*LISTED ENTRIES:*

######

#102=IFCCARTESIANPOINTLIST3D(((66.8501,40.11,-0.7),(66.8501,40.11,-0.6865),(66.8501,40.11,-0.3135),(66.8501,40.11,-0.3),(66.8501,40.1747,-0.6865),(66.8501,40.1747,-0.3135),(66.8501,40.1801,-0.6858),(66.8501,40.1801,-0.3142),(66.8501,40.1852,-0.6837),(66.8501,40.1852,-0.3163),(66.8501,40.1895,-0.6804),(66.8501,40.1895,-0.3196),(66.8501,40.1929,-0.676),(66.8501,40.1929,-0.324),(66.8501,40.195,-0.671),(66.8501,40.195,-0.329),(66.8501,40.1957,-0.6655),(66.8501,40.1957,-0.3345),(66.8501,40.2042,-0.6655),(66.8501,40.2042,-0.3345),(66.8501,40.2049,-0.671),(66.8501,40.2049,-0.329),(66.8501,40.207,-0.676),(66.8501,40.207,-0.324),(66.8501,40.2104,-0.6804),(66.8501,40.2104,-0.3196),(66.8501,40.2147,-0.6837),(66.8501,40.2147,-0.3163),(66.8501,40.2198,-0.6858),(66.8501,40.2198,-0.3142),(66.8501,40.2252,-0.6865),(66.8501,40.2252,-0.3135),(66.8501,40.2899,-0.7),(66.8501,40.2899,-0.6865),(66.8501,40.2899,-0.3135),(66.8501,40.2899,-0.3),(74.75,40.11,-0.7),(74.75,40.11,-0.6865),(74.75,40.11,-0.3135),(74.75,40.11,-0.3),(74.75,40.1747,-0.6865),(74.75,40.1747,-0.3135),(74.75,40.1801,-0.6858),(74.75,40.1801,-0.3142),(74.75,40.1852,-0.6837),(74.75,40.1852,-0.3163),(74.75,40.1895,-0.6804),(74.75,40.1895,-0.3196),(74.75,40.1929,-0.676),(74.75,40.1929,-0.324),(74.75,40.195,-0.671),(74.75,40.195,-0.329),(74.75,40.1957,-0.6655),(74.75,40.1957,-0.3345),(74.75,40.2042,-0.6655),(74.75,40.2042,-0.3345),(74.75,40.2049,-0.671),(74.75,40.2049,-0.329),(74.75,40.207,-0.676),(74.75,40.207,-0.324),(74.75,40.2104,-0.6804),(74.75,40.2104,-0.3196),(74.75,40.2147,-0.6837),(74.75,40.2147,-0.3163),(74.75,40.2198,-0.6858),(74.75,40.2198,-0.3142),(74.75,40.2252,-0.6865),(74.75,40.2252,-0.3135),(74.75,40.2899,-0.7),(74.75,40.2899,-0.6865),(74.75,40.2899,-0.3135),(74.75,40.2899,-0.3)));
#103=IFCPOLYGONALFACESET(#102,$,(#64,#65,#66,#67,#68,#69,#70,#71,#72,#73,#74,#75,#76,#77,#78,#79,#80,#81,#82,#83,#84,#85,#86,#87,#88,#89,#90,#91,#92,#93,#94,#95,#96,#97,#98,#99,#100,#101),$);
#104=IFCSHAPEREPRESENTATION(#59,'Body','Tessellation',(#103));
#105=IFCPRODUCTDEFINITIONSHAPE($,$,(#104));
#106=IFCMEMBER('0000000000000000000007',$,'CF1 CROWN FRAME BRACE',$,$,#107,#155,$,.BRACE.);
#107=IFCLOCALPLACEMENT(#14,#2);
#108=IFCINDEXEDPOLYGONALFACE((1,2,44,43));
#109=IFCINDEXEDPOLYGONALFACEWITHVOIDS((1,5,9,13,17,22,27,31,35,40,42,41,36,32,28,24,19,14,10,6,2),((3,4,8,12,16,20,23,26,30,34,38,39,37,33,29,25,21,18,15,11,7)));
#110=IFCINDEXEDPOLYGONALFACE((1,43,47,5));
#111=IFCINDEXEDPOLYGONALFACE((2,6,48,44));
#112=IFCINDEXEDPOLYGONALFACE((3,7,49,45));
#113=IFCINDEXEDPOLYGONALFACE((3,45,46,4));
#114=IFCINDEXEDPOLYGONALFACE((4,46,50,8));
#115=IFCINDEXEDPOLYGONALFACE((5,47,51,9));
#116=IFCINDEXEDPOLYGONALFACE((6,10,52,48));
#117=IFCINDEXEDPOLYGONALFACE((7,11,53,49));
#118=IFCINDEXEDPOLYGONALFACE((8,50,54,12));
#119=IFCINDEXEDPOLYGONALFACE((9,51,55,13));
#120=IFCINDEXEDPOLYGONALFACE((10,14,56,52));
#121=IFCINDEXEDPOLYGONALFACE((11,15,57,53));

######

*ASSIGNED TASK:*
Print exactly the lines above from the one with "#106=IFCMEMBER('0000000000000000000007',$,'CF1 CROWN FRAME" to the one with "#117=IFCINDEXEDPOLYGONALFACE((7,11,53,49));", including both.

*RESULT FOR THIS TASK:*
#106=IFCMEMBER('0000000000000000000007',$,'CF1 CROWN FRAME BRACE',$,$,#107,#155,$,.BRACE.);
#107=IFCLOCALPLACEMENT(#14,#2);
#108=IFCINDEXEDPOLYGONALFACE((1,2,44,43));
#109=IFCINDEXEDPOLYGONALFACEWITHVOIDS((1,5,9,13,17,22,27,31,35,40,42,41,36,32,28,24,19,14,10,6,2),((3,4,8,12,16,20,23,26,30,34,38,39,37,33,29,25,21,18,15,11,7)));
#110=IFCINDEXEDPOLYGONALFACE((1,43,47,5));
#111=IFCINDEXEDPOLYGONALFACE((2,6,48,44));
#112=IFCINDEXEDPOLYGONALFACE((3,7,49,45));
#113=IFCINDEXEDPOLYGONALFACE((3,45,46,4));
#114=IFCINDEXEDPOLYGONALFACE((4,46,50,8));
#115=IFCINDEXEDPOLYGONALFACE((5,47,51,9));
#116=IFCINDEXEDPOLYGONALFACE((6,10,52,48));
#117=IFCINDEXEDPOLYGONALFACE((7,11,53,49));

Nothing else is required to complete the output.